**AVAILABLE DATA:**
- - - -

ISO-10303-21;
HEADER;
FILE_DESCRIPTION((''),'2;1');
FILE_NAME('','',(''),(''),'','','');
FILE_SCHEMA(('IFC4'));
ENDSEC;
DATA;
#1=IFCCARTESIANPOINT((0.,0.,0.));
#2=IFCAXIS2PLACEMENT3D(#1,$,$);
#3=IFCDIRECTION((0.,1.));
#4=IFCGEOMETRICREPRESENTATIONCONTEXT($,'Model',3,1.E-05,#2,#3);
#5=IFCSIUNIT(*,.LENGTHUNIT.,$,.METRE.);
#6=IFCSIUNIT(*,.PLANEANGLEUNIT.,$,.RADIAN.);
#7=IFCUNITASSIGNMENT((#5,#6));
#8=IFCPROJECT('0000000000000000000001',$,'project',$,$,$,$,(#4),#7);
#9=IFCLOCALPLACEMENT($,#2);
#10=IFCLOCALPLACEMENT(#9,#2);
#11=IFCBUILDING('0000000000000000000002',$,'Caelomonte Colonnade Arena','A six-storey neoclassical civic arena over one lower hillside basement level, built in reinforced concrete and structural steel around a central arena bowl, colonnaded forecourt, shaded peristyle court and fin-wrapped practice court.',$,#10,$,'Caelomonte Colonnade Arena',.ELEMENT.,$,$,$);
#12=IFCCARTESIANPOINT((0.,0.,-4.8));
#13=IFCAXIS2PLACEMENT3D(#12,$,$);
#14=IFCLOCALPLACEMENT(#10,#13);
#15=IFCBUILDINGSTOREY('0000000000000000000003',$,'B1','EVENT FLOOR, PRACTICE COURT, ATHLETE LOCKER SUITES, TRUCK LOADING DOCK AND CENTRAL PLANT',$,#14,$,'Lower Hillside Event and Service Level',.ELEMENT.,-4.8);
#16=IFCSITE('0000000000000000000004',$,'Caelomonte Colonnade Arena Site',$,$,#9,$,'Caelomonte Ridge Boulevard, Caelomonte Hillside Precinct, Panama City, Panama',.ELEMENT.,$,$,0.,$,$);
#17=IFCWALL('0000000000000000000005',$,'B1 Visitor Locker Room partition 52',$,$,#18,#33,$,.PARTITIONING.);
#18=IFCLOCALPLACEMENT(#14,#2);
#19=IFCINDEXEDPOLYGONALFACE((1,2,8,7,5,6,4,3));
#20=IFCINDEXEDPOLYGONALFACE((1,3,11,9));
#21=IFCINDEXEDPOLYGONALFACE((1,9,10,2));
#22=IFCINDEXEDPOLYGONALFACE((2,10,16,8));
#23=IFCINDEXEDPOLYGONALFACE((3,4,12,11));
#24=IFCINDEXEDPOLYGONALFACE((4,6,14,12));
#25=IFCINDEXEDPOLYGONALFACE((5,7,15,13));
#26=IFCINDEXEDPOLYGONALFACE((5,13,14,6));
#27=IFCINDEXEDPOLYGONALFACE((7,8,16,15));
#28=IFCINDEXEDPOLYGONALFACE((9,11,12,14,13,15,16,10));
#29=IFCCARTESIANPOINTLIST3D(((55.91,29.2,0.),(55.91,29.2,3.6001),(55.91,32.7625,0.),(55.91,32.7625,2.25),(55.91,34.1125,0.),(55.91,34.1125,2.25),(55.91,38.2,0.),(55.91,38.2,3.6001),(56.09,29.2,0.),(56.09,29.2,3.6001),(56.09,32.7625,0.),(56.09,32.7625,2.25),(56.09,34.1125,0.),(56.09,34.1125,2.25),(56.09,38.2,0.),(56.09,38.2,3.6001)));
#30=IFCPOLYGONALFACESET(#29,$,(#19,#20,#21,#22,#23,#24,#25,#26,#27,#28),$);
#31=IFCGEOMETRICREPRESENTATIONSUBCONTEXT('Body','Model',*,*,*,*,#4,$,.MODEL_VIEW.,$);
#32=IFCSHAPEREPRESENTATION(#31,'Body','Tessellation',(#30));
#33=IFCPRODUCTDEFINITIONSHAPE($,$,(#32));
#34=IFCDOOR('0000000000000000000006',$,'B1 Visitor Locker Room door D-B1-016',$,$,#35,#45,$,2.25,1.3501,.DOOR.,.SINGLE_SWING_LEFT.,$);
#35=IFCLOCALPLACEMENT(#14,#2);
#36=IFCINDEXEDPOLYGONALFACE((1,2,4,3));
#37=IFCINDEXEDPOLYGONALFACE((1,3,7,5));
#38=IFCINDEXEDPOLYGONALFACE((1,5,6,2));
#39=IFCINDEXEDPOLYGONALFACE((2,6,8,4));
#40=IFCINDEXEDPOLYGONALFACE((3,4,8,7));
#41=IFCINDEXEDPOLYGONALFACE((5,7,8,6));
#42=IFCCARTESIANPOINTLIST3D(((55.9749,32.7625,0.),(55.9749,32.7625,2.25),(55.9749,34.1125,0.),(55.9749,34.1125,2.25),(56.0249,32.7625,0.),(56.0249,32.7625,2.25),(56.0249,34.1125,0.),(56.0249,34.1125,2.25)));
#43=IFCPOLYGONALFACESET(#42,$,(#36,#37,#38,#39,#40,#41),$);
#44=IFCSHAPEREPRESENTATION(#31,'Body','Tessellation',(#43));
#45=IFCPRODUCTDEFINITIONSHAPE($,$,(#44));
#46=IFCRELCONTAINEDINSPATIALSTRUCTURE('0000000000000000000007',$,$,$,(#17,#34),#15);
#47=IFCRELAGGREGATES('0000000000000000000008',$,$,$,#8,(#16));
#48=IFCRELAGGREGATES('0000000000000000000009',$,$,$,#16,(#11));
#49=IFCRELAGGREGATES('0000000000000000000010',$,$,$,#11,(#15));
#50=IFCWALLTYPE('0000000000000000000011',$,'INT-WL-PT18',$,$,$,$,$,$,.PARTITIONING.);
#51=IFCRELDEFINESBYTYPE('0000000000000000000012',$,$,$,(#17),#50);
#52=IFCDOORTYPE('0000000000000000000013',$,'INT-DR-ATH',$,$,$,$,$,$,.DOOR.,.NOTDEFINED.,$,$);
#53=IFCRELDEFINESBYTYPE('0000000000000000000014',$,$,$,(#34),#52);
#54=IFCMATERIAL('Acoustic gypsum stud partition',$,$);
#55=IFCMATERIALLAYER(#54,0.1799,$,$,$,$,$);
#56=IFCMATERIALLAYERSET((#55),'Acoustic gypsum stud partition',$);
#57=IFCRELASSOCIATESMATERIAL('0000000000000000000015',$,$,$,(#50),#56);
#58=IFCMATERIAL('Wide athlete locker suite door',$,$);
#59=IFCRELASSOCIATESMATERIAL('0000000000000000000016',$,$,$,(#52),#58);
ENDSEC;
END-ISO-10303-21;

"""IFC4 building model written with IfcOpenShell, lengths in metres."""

from ifc_helpers import new_model, si_unit, direction, frame, frame_2d, origin, place, context, subcontext, project, spatial, rectangle, extrude, material, layer, layer_set, type_object, element, fill, save


model = new_model("IFC4")

# Units and contexts
model_context = context("Model", 3, precision=1e-05, world=origin(), true_north=direction((0.0, 1.0)))
body_context = subcontext(model_context, "Body", "Model", "MODEL_VIEW")
ifc_project = project(units=[si_unit("LENGTHUNIT", "METRE"), si_unit("PLANEANGLEUNIT", "RADIAN")], contexts=[model_context])

# Site, building, storey
site_placement = place(None, origin())
site = spatial("IfcSite", under=ifc_project, at=site_placement, Name="Caelomonte Colonnade Arena Site", LongName="Caelomonte Ridge Boulevard, Caelomonte Hillside Precinct, Panama City, Panama", CompositionType="ELEMENT", RefElevation=0.0)
building_placement = place(site_placement, origin())
building = spatial("IfcBuilding", under=site, at=building_placement, Name="Caelomonte Colonnade Arena", Description="A six-storey neoclassical civic arena over one lower hillside basement level, built in reinforced concrete and structural steel around a central arena bowl, colonnaded forecourt, shaded peristyle court and fin-wrapped practice court.", LongName="Caelomonte Colonnade Arena", CompositionType="ELEMENT")
storey_placement = place(building_placement, frame((0.0, 0.0, -4.8)))
storey = spatial("IfcBuildingStorey", under=building, at=storey_placement, Name="B1", Description="EVENT FLOOR, PRACTICE COURT, ATHLETE LOCKER SUITES, TRUCK LOADING DOCK AND CENTRAL PLANT", LongName="Lower Hillside Event and Service Level", CompositionType="ELEMENT", Elevation=-4.8)

# Shared definitions
ifc_material_1 = material(Name="Acoustic gypsum stud partition")
ifc_layer_1 = layer(ifc_material_1, 0.1799)
ifc_layer_set_1 = layer_set([ifc_layer_1], Name="Acoustic gypsum stud partition")
wall_type_1 = type_object("IfcWallType", Name="INT-WL-PT18", PredefinedType="PARTITIONING", material=ifc_layer_set_1)
ifc_material_2 = material(Name="Wide athlete locker suite door")
door_type_1 = type_object("IfcDoorType", Name="INT-DR-ATH", OperationType="NOTDEFINED", PredefinedType="DOOR", material=ifc_material_2)

# Wall, opening, door
wall_1_placement = place(storey_placement, frame((56.0, 38.2, 0.0), z_axis=(0.0, 0.0, 1.0), x_axis=(0.0, -1.0, 0.0)))
wall_1 = element("IfcWall", 1, at=wall_1_placement, inside=storey, type_object=wall_type_1, Name="B1 Visitor Locker Room partition 52", PredefinedType="PARTITIONING", context=body_context, shape_type="SweptSolid", body=[
    extrude(rectangle(XDim=9.0, YDim=0.1799, at=frame_2d((4.5, 0.0))), origin(), (0.0, 0.0, 1.0), 3.6001),
])
opening_1_placement = place(wall_1_placement, frame((4.0874, 0.0, 0.0), z_axis=(0.0, 0.0, 1.0), x_axis=(1.0, 0.0, 0.0)))
opening_1 = element("IfcOpeningElement", 2, at=opening_1_placement, cuts=wall_1, PredefinedType="OPENING", context=body_context, shape_type="SweptSolid", body=[
    extrude(rectangle(XDim=1.3501, YDim=2.25, at=frame_2d((0.675, 1.125))), frame((0.0, 0.0999, 0.0), z_axis=(0.0, -1.0, 0.0), x_axis=(1.0, 0.0, 0.0)), (0.0, 0.0, 1.0), 0.2),
])
door_1_placement = place(opening_1_placement, origin())
door_1 = element("IfcDoor", 3, at=door_1_placement, inside=storey, type_object=door_type_1, Name="B1 Visitor Locker Room door D-B1-016", OperationType="SINGLE_SWING_LEFT", OverallHeight=2.25, OverallWidth=1.3501, PredefinedType="DOOR", context=body_context, shape_type="SweptSolid", body=[
    extrude(rectangle(XDim=1.3501, YDim=2.25, at=frame_2d((0.675, 1.125))), frame((0.0, 0.0249, 0.0), z_axis=(0.0, -1.0, 0.0), x_axis=(1.0, 0.0, 0.0)), (0.0, 0.0, 1.0), 0.05),
])
fill(opening_1, door_1)

save(model, "model.ifc")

- - - -

**WHAT YOU SHOULD DO:** Please retype, with no changes, the lines that run from the first line of the entries to the line with "#5=IFCSIUNIT(*,.LENGTHUNIT.,$,.METRE.);", both ends included.

**ANSWER FOR THE TASK:**
ISO-10303-21;
HEADER;
FILE_DESCRIPTION((''),'2;1');
FILE_NAME('','',(''),(''),'','','');
FILE_SCHEMA(('IFC4'));
ENDSEC;
DATA;
#1=IFCCARTESIANPOINT((0.,0.,0.));
#2=IFCAXIS2PLACEMENT3D(#1,$,$);
#3=IFCDIRECTION((0.,1.));
#4=IFCGEOMETRICREPRESENTATIONCONTEXT($,'Model',3,1.E-05,#2,#3);
#5=IFCSIUNIT(*,.LENGTHUNIT.,$,.METRE.);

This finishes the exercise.